_What you are asked to do_
After locating the line that contains "#138=IFCINDEXEDPOLYGONALFACE((37,41,42,38));" in the records below, write out exactly that line and each line after it through the one that contains "#153=IFCINDEXEDPOLYGONALFACE((17,21,22,18));", and nothing else.

^^^^

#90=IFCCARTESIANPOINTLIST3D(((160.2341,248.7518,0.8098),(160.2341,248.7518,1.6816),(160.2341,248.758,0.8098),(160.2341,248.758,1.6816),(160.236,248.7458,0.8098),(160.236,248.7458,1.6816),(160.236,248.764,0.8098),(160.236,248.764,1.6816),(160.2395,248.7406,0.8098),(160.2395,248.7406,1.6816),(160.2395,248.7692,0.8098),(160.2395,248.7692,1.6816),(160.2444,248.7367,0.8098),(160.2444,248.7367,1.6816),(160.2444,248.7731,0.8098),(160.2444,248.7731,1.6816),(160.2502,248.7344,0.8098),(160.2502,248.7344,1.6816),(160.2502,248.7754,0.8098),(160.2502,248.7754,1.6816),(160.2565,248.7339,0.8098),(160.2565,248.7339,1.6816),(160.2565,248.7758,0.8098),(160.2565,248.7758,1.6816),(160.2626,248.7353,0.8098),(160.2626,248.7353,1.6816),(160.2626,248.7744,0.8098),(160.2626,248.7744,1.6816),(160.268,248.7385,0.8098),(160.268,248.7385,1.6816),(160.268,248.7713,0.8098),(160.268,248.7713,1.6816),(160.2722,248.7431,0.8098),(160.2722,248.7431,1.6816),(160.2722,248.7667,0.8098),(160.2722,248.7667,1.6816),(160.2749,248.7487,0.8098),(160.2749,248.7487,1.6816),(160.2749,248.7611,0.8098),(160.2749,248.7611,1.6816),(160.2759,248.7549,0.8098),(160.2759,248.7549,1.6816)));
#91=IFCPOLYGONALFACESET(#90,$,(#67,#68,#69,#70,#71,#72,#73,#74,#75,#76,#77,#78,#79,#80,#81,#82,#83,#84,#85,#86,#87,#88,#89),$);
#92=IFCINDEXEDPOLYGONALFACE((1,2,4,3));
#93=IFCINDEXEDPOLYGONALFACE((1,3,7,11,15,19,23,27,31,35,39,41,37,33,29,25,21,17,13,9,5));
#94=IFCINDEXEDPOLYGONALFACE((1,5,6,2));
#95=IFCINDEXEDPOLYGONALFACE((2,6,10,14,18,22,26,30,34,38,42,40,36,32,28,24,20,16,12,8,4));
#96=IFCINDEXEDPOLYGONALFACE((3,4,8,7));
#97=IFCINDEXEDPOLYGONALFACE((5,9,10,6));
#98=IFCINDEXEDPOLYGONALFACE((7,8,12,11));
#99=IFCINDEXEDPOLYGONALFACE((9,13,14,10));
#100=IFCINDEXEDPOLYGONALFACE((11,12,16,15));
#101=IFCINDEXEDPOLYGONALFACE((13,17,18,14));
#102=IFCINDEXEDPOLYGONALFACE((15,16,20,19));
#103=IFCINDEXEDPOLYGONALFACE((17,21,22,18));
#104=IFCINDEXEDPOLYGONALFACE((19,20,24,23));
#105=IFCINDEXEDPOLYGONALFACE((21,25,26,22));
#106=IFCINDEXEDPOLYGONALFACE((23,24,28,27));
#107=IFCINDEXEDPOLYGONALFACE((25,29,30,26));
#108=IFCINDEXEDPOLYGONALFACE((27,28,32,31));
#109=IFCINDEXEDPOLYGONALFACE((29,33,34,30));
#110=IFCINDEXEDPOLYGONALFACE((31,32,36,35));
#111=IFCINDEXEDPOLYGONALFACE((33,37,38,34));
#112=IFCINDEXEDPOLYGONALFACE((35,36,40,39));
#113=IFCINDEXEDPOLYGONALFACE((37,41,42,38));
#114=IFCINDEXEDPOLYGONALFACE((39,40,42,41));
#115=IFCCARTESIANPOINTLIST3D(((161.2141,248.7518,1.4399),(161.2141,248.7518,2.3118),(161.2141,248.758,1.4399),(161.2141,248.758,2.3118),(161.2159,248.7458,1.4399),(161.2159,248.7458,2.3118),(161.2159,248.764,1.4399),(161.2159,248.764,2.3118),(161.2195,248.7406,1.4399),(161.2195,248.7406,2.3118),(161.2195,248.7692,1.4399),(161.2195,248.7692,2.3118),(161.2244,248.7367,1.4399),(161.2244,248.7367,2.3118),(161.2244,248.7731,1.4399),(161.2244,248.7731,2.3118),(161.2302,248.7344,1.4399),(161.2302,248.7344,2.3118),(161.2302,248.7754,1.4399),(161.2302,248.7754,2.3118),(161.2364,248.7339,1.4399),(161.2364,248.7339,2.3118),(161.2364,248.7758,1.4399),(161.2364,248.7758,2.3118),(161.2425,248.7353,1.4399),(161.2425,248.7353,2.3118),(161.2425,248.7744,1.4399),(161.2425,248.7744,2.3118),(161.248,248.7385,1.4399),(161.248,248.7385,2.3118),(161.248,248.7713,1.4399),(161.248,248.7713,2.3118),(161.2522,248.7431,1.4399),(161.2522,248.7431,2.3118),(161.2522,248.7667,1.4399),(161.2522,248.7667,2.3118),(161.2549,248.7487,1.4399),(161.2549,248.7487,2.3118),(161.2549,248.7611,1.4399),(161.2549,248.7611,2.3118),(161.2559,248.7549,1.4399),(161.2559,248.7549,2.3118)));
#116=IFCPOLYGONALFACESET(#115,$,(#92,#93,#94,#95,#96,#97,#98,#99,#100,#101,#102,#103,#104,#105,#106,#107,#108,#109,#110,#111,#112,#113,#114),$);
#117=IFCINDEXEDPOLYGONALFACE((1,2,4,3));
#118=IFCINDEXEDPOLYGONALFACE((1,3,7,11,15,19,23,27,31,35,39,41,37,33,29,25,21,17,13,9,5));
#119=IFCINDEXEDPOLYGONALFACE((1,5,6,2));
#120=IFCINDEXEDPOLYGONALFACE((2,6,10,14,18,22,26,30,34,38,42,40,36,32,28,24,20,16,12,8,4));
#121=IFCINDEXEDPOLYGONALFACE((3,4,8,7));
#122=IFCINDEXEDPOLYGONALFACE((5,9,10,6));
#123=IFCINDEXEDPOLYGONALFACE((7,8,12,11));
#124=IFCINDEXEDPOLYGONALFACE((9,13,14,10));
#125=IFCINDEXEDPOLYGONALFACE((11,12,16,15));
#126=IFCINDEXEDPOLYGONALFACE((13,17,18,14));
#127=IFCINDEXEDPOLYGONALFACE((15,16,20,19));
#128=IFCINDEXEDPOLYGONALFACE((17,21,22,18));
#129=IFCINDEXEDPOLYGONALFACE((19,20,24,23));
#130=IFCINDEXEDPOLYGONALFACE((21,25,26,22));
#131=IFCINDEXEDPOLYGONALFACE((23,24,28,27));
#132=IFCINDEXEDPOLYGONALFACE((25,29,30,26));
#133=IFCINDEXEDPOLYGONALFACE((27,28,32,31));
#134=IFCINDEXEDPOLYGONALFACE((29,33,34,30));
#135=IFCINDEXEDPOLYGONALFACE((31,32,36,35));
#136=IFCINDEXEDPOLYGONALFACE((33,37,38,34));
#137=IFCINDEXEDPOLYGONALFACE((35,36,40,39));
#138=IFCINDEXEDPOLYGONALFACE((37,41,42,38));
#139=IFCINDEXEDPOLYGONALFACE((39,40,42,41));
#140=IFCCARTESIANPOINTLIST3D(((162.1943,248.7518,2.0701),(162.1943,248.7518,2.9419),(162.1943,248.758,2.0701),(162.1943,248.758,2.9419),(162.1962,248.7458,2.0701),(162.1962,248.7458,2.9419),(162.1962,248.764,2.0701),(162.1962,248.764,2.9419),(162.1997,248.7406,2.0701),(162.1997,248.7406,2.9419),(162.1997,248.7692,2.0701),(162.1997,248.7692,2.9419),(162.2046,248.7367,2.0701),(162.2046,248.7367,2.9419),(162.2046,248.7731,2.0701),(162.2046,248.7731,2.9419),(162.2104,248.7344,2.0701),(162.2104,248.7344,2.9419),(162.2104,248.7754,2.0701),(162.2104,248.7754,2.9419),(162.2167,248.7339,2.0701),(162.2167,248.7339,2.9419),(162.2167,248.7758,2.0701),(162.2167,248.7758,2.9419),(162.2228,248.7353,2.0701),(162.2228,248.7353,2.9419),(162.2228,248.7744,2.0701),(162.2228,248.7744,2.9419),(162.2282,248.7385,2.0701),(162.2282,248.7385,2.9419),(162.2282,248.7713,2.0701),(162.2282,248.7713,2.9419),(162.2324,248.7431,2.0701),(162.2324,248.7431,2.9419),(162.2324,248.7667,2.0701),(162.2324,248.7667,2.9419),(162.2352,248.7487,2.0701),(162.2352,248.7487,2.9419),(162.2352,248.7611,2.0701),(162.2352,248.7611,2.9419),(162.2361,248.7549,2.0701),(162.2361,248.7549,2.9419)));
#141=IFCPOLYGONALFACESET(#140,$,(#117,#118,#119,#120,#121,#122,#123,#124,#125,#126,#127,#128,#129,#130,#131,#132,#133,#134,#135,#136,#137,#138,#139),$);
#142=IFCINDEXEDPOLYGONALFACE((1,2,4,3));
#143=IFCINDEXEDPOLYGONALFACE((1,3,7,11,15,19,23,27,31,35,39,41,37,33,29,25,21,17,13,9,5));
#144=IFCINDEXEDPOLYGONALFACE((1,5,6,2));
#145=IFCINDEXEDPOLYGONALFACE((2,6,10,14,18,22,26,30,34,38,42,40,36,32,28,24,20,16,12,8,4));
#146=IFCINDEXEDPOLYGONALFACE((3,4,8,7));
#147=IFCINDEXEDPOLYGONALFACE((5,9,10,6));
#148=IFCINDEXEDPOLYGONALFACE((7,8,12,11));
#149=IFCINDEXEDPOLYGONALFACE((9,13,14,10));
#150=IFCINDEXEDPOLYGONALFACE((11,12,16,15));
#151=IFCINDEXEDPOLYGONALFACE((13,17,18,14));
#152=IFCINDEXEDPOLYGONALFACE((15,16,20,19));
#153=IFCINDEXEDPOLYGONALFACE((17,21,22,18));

^^^^

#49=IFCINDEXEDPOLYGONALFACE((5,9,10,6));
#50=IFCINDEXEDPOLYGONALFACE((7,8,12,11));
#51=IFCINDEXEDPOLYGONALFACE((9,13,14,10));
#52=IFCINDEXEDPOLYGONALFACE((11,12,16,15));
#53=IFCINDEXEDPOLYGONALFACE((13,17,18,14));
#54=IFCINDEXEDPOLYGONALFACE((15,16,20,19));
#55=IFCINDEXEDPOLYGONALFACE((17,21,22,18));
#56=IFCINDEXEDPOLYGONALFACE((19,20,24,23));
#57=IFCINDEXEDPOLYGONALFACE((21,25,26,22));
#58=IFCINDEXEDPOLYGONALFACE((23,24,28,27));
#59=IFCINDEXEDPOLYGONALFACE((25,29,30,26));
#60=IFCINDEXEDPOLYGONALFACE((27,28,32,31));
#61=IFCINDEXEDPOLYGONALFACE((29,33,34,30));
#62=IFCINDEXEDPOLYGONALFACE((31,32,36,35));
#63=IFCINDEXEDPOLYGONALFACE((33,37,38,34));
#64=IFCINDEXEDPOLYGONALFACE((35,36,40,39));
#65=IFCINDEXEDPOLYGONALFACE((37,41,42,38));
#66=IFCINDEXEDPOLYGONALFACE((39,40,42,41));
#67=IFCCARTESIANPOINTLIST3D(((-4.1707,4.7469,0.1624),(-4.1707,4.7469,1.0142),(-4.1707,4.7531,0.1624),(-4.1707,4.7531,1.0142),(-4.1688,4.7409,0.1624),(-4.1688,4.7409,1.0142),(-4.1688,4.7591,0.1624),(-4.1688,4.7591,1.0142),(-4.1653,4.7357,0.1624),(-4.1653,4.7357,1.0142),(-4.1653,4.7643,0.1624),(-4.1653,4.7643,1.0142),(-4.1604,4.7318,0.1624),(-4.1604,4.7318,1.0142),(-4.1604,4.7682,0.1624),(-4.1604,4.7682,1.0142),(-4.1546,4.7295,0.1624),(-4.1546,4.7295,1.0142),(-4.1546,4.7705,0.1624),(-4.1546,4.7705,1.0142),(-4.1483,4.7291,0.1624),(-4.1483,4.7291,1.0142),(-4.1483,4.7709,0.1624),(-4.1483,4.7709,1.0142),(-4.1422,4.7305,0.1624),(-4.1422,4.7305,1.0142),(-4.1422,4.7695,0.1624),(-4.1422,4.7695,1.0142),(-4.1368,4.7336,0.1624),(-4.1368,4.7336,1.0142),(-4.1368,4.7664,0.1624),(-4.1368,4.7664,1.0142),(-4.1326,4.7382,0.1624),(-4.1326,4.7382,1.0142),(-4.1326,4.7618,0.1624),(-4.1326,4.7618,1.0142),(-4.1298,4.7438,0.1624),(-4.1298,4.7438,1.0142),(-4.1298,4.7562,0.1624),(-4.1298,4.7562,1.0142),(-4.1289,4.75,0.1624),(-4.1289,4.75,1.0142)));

^^^^

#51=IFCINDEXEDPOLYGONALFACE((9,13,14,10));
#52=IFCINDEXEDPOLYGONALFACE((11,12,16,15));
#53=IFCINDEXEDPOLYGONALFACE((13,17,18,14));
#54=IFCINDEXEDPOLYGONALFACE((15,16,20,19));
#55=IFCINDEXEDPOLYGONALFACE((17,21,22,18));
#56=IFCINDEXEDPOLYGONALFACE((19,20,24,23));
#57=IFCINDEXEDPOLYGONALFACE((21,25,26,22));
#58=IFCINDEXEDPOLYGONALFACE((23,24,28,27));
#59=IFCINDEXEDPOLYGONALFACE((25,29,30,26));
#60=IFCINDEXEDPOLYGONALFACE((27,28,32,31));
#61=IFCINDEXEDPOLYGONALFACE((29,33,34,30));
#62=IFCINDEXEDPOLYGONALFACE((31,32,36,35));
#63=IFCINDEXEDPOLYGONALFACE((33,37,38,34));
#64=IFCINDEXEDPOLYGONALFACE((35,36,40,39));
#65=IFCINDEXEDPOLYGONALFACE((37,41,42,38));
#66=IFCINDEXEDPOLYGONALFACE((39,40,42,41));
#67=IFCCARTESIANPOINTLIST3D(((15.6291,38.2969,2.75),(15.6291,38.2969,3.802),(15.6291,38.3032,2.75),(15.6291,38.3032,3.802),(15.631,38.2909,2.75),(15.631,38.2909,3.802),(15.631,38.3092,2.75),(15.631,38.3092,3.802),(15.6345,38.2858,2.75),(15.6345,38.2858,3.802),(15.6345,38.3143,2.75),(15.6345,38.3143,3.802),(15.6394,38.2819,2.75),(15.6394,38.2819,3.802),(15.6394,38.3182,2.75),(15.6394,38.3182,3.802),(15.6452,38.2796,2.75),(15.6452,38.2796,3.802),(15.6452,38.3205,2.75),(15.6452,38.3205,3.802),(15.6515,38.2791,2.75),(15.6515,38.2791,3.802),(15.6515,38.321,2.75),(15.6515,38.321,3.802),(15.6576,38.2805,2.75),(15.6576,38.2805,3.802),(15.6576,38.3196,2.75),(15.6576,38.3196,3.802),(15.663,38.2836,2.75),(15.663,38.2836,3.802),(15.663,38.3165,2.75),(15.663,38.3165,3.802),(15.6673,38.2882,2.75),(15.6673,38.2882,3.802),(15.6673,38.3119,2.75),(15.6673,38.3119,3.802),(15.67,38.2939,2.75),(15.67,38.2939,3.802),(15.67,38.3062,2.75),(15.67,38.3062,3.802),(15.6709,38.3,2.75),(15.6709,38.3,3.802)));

^^^^

_Answer box_
#138=IFCINDEXEDPOLYGONALFACE((37,41,42,38));
#139=IFCINDEXEDPOLYGONALFACE((39,40,42,41));
#140=IFCCARTESIANPOINTLIST3D(((162.1943,248.7518,2.0701),(162.1943,248.7518,2.9419),(162.1943,248.758,2.0701),(162.1943,248.758,2.9419),(162.1962,248.7458,2.0701),(162.1962,248.7458,2.9419),(162.1962,248.764,2.0701),(162.1962,248.764,2.9419),(162.1997,248.7406,2.0701),(162.1997,248.7406,2.9419),(162.1997,248.7692,2.0701),(162.1997,248.7692,2.9419),(162.2046,248.7367,2.0701),(162.2046,248.7367,2.9419),(162.2046,248.7731,2.0701),(162.2046,248.7731,2.9419),(162.2104,248.7344,2.0701),(162.2104,248.7344,2.9419),(162.2104,248.7754,2.0701),(162.2104,248.7754,2.9419),(162.2167,248.7339,2.0701),(162.2167,248.7339,2.9419),(162.2167,248.7758,2.0701),(162.2167,248.7758,2.9419),(162.2228,248.7353,2.0701),(162.2228,248.7353,2.9419),(162.2228,248.7744,2.0701),(162.2228,248.7744,2.9419),(162.2282,248.7385,2.0701),(162.2282,248.7385,2.9419),(162.2282,248.7713,2.0701),(162.2282,248.7713,2.9419),(162.2324,248.7431,2.0701),(162.2324,248.7431,2.9419),(162.2324,248.7667,2.0701),(162.2324,248.7667,2.9419),(162.2352,248.7487,2.0701),(162.2352,248.7487,2.9419),(162.2352,248.7611,2.0701),(162.2352,248.7611,2.9419),(162.2361,248.7549,2.0701),(162.2361,248.7549,2.9419)));
#141=IFCPOLYGONALFACESET(#140,$,(#117,#118,#119,#120,#121,#122,#123,#124,#125,#126,#127,#128,#129,#130,#131,#132,#133,#134,#135,#136,#137,#138,#139),$);
#142=IFCINDEXEDPOLYGONALFACE((1,2,4,3));
#143=IFCINDEXEDPOLYGONALFACE((1,3,7,11,15,19,23,27,31,35,39,41,37,33,29,25,21,17,13,9,5));
#144=IFCINDEXEDPOLYGONALFACE((1,5,6,2));
#145=IFCINDEXEDPOLYGONALFACE((2,6,10,14,18,22,26,30,34,38,42,40,36,32,28,24,20,16,12,8,4));
#146=IFCINDEXEDPOLYGONALFACE((3,4,8,7));
#147=IFCINDEXEDPOLYGONALFACE((5,9,10,6));
#148=IFCINDEXEDPOLYGONALFACE((7,8,12,11));
#149=IFCINDEXEDPOLYGONALFACE((9,13,14,10));
#150=IFCINDEXEDPOLYGONALFACE((11,12,16,15));
#151=IFCINDEXEDPOLYGONALFACE((13,17,18,14));
#152=IFCINDEXEDPOLYGONALFACE((15,16,20,19));
#153=IFCINDEXEDPOLYGONALFACE((17,21,22,18));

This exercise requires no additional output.